# Task instructions:
Go through the entries and set each one down exactly.

# Data shown:
####

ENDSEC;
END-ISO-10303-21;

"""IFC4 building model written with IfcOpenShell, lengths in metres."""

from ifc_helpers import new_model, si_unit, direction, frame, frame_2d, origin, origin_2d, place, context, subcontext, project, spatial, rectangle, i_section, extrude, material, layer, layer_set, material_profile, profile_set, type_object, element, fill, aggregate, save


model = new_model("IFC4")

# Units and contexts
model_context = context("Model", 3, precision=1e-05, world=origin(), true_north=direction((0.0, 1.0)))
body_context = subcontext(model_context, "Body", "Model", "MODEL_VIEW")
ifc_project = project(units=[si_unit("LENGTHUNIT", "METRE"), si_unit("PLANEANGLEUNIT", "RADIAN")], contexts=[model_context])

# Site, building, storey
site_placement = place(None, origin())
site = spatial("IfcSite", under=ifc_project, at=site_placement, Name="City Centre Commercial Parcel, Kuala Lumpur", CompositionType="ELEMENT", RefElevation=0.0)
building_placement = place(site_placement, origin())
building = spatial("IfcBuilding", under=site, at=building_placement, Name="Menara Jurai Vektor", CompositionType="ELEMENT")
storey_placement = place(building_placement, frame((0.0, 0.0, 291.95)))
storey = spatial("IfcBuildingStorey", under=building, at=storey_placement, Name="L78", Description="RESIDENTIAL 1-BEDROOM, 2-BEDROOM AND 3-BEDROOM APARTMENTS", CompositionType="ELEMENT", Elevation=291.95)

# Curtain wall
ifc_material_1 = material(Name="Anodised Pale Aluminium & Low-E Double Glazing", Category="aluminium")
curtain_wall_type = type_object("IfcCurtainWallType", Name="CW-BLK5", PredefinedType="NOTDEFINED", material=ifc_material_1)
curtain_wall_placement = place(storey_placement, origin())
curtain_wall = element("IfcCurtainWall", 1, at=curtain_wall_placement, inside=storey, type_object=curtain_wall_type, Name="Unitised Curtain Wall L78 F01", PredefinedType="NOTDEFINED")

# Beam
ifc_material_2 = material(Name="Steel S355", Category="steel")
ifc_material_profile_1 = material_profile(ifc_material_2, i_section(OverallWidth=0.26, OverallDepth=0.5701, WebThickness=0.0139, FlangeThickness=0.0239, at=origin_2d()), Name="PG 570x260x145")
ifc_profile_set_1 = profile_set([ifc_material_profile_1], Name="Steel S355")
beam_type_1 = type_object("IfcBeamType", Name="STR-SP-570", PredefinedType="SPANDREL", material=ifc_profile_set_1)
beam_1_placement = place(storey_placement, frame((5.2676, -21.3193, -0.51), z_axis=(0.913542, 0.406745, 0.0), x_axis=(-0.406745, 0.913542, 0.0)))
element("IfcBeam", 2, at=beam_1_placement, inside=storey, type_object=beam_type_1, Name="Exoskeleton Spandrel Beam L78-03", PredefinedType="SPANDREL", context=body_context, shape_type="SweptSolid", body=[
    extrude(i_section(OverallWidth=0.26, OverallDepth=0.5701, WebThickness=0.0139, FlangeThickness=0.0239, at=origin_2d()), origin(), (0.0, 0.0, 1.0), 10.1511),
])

####

# Output below:
ENDSEC;
END-ISO-10303-21;

"""IFC4 building model written with IfcOpenShell, lengths in metres."""

from ifc_helpers import new_model, si_unit, direction, frame, frame_2d, origin, origin_2d, place, context, subcontext, project, spatial, rectangle, i_section, extrude, material, layer, layer_set, material_profile, profile_set, type_object, element, fill, aggregate, save


model = new_model("IFC4")

# Units and contexts
model_context = context("Model", 3, precision=1e-05, world=origin(), true_north=direction((0.0, 1.0)))
body_context = subcontext(model_context, "Body", "Model", "MODEL_VIEW")
ifc_project = project(units=[si_unit("LENGTHUNIT", "METRE"), si_unit("PLANEANGLEUNIT", "RADIAN")], contexts=[model_context])

# Site, building, storey
site_placement = place(None, origin())
site = spatial("IfcSite", under=ifc_project, at=site_placement, Name="City Centre Commercial Parcel, Kuala Lumpur", CompositionType="ELEMENT", RefElevation=0.0)
building_placement = place(site_placement, origin())
building = spatial("IfcBuilding", under=site, at=building_placement, Name="Menara Jurai Vektor", CompositionType="ELEMENT")
storey_placement = place(building_placement, frame((0.0, 0.0, 291.95)))
storey = spatial("IfcBuildingStorey", under=building, at=storey_placement, Name="L78", Description="RESIDENTIAL 1-BEDROOM, 2-BEDROOM AND 3-BEDROOM APARTMENTS", CompositionType="ELEMENT", Elevation=291.95)

# Curtain wall
ifc_material_1 = material(Name="Anodised Pale Aluminium & Low-E Double Glazing", Category="aluminium")
curtain_wall_type = type_object("IfcCurtainWallType", Name="CW-BLK5", PredefinedType="NOTDEFINED", material=ifc_material_1)
curtain_wall_placement = place(storey_placement, origin())
curtain_wall = element("IfcCurtainWall", 1, at=curtain_wall_placement, inside=storey, type_object=curtain_wall_type, Name="Unitised Curtain Wall L78 F01", PredefinedType="NOTDEFINED")

# Beam
ifc_material_2 = material(Name="Steel S355", Category="steel")
ifc_material_profile_1 = material_profile(ifc_material_2, i_section(OverallWidth=0.26, OverallDepth=0.5701, WebThickness=0.0139, FlangeThickness=0.0239, at=origin_2d()), Name="PG 570x260x145")
ifc_profile_set_1 = profile_set([ifc_material_profile_1], Name="Steel S355")
beam_type_1 = type_object("IfcBeamType", Name="STR-SP-570", PredefinedType="SPANDREL", material=ifc_profile_set_1)
beam_1_placement = place(storey_placement, frame((5.2676, -21.3193, -0.51), z_axis=(0.913542, 0.406745, 0.0), x_axis=(-0.406745, 0.913542, 0.0)))
element("IfcBeam", 2, at=beam_1_placement, inside=storey, type_object=beam_type_1, Name="Exoskeleton Spandrel Beam L78-03", PredefinedType="SPANDREL", context=body_context, shape_type="SweptSolid", body=[
    extrude(i_section(OverallWidth=0.26, OverallDepth=0.5701, WebThickness=0.0139, FlangeThickness=0.0239, at=origin_2d()), origin(), (0.0, 0.0, 1.0), 10.1511),
])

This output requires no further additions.